(Saved data entries)
=== Section Start ===
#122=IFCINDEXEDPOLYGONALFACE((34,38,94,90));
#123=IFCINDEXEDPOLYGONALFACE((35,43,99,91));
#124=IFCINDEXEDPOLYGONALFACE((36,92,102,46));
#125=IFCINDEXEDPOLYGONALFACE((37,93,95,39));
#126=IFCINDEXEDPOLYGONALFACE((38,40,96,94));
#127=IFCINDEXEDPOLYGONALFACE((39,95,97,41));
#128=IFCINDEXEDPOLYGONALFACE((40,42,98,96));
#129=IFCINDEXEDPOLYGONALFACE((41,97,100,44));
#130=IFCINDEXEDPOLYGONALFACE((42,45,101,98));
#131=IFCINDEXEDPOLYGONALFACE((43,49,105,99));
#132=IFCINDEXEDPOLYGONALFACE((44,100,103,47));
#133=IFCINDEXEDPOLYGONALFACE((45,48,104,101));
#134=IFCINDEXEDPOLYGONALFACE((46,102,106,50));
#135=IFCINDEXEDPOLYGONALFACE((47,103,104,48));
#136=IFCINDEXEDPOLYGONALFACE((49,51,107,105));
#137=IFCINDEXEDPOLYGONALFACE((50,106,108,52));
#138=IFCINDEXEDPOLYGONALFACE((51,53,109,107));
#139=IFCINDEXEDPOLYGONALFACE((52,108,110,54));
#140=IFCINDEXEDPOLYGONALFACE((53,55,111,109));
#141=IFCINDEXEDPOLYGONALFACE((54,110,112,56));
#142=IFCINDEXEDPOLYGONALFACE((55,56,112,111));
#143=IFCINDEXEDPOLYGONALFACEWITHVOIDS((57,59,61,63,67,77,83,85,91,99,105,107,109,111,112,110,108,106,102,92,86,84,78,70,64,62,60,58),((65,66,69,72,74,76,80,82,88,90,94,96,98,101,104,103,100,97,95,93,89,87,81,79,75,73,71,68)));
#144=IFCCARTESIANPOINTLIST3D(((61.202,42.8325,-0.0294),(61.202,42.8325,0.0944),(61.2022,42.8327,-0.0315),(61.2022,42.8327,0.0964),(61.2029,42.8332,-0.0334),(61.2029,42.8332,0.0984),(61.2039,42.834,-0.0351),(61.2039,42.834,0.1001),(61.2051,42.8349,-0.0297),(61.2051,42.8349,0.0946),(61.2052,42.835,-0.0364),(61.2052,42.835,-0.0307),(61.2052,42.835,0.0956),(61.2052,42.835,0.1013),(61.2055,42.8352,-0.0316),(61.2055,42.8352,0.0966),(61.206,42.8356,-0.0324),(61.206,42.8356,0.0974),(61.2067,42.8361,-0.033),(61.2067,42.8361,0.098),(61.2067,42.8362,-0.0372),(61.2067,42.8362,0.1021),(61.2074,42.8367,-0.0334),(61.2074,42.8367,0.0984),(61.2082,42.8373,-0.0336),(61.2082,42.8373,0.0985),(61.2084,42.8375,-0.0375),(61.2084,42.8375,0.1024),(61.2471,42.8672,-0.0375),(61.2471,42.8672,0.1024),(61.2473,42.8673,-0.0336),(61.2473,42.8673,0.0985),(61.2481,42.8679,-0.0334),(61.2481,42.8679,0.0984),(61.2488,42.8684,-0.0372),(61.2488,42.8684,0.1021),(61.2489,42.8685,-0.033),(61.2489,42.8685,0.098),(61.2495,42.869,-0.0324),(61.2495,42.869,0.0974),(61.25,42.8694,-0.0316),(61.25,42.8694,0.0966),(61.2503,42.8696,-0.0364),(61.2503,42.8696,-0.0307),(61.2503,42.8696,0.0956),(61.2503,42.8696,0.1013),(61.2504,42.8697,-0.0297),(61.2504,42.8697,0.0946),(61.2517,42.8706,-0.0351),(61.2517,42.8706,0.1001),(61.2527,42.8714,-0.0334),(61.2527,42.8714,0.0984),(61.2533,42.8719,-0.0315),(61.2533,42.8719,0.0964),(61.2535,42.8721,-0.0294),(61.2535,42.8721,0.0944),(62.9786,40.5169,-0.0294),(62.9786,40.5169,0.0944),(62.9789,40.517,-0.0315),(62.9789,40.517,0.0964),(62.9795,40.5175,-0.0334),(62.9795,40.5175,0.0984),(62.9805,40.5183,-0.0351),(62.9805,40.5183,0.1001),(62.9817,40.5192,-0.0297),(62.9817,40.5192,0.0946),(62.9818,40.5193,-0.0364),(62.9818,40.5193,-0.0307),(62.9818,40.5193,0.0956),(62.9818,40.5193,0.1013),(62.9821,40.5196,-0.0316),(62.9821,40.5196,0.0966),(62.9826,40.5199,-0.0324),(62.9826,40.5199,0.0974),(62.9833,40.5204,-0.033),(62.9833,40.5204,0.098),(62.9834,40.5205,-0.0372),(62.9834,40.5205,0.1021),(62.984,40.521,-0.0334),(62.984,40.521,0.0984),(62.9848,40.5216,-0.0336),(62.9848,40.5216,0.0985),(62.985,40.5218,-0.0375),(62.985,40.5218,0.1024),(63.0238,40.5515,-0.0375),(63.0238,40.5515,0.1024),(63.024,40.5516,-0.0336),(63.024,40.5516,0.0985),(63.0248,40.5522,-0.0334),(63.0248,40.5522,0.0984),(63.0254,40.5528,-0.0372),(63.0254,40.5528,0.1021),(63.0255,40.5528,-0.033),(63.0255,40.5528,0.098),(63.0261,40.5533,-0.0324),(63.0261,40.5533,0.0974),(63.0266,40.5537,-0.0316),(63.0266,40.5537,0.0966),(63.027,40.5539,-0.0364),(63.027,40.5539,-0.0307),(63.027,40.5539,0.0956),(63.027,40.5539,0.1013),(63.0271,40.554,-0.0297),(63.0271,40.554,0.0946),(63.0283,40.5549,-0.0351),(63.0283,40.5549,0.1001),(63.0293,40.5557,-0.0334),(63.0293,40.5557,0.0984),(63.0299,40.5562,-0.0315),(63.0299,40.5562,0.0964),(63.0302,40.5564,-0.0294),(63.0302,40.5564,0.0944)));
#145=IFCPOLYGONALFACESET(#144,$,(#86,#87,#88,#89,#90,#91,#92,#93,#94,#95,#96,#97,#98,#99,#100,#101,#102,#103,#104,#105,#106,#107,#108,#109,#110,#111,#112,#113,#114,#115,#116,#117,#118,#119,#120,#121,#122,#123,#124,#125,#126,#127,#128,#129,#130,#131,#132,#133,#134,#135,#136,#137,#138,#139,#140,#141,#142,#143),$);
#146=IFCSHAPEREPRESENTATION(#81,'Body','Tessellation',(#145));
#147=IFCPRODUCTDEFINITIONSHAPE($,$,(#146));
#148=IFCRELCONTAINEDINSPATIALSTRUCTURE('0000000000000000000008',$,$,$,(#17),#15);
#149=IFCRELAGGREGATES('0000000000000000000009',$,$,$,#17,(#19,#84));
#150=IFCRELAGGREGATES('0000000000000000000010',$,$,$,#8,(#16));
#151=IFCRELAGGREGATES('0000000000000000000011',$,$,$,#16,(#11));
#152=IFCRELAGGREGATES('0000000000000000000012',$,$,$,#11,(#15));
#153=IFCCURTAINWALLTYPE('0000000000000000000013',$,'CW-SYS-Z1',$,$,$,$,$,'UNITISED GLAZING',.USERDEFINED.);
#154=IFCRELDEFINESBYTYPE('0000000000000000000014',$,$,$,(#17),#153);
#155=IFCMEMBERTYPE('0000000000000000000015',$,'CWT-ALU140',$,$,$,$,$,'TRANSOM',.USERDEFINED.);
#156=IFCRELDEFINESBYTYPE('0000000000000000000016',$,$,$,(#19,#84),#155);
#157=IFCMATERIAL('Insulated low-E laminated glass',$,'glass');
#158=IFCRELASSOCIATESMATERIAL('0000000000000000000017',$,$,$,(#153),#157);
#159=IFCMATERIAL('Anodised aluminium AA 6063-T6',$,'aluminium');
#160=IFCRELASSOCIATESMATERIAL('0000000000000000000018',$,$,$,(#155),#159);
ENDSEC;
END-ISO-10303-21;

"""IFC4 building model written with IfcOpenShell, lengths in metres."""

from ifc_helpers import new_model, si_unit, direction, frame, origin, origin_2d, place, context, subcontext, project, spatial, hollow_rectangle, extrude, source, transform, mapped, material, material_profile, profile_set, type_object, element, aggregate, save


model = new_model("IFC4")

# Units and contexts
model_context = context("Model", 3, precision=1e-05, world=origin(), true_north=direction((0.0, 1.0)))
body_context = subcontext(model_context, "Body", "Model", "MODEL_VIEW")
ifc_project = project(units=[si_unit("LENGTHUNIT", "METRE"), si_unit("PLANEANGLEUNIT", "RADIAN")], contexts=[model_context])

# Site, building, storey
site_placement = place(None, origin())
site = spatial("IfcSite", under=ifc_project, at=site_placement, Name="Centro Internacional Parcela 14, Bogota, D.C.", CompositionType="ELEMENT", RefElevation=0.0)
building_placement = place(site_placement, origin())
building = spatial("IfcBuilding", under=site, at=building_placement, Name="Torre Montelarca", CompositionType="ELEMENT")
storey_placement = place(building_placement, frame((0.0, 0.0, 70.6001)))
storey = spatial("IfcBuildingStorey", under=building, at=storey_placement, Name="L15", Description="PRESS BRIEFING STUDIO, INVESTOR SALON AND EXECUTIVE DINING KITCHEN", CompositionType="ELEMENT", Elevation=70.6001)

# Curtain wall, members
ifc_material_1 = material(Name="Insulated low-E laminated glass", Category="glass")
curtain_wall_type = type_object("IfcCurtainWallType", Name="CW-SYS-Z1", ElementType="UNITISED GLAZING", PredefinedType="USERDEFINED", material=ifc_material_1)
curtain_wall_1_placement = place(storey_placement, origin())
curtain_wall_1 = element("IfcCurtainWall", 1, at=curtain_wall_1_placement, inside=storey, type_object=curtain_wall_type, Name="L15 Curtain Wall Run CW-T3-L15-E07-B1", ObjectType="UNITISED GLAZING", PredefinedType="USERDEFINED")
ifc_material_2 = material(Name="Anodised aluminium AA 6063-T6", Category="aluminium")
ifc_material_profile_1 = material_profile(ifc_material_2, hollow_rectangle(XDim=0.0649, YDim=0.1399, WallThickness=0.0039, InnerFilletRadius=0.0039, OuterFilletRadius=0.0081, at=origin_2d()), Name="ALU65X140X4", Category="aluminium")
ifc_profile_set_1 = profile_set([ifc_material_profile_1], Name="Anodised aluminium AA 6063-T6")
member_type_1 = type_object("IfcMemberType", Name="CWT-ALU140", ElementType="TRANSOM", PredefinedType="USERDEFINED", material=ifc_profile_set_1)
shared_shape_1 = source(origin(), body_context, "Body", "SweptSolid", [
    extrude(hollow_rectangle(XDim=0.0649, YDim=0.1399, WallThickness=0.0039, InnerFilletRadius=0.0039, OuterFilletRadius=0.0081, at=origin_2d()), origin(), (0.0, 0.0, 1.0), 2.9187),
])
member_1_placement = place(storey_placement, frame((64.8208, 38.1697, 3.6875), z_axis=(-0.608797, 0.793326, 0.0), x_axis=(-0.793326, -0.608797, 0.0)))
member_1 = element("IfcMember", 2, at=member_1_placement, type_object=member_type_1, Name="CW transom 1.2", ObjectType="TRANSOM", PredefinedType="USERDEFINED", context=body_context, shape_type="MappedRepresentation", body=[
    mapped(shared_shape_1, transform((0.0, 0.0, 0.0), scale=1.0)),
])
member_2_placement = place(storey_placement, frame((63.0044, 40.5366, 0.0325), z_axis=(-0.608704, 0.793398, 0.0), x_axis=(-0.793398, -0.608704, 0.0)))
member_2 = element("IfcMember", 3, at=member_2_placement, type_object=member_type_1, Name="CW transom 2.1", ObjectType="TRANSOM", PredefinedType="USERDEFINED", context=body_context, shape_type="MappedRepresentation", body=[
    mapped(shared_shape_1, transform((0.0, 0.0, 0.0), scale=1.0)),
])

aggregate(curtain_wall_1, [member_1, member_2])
=== Section End ===
Copy the records above exactly, please, but only from the first line through the line containing "#128=IFCINDEXEDPOLYGONALFACE((40,42,98,96));".

#122=IFCINDEXEDPOLYGONALFACE((34,38,94,90));
#123=IFCINDEXEDPOLYGONALFACE((35,43,99,91));
#124=IFCINDEXEDPOLYGONALFACE((36,92,102,46));
#125=IFCINDEXEDPOLYGONALFACE((37,93,95,39));
#126=IFCINDEXEDPOLYGONALFACE((38,40,96,94));
#127=IFCINDEXEDPOLYGONALFACE((39,95,97,41));
#128=IFCINDEXEDPOLYGONALFACE((40,42,98,96));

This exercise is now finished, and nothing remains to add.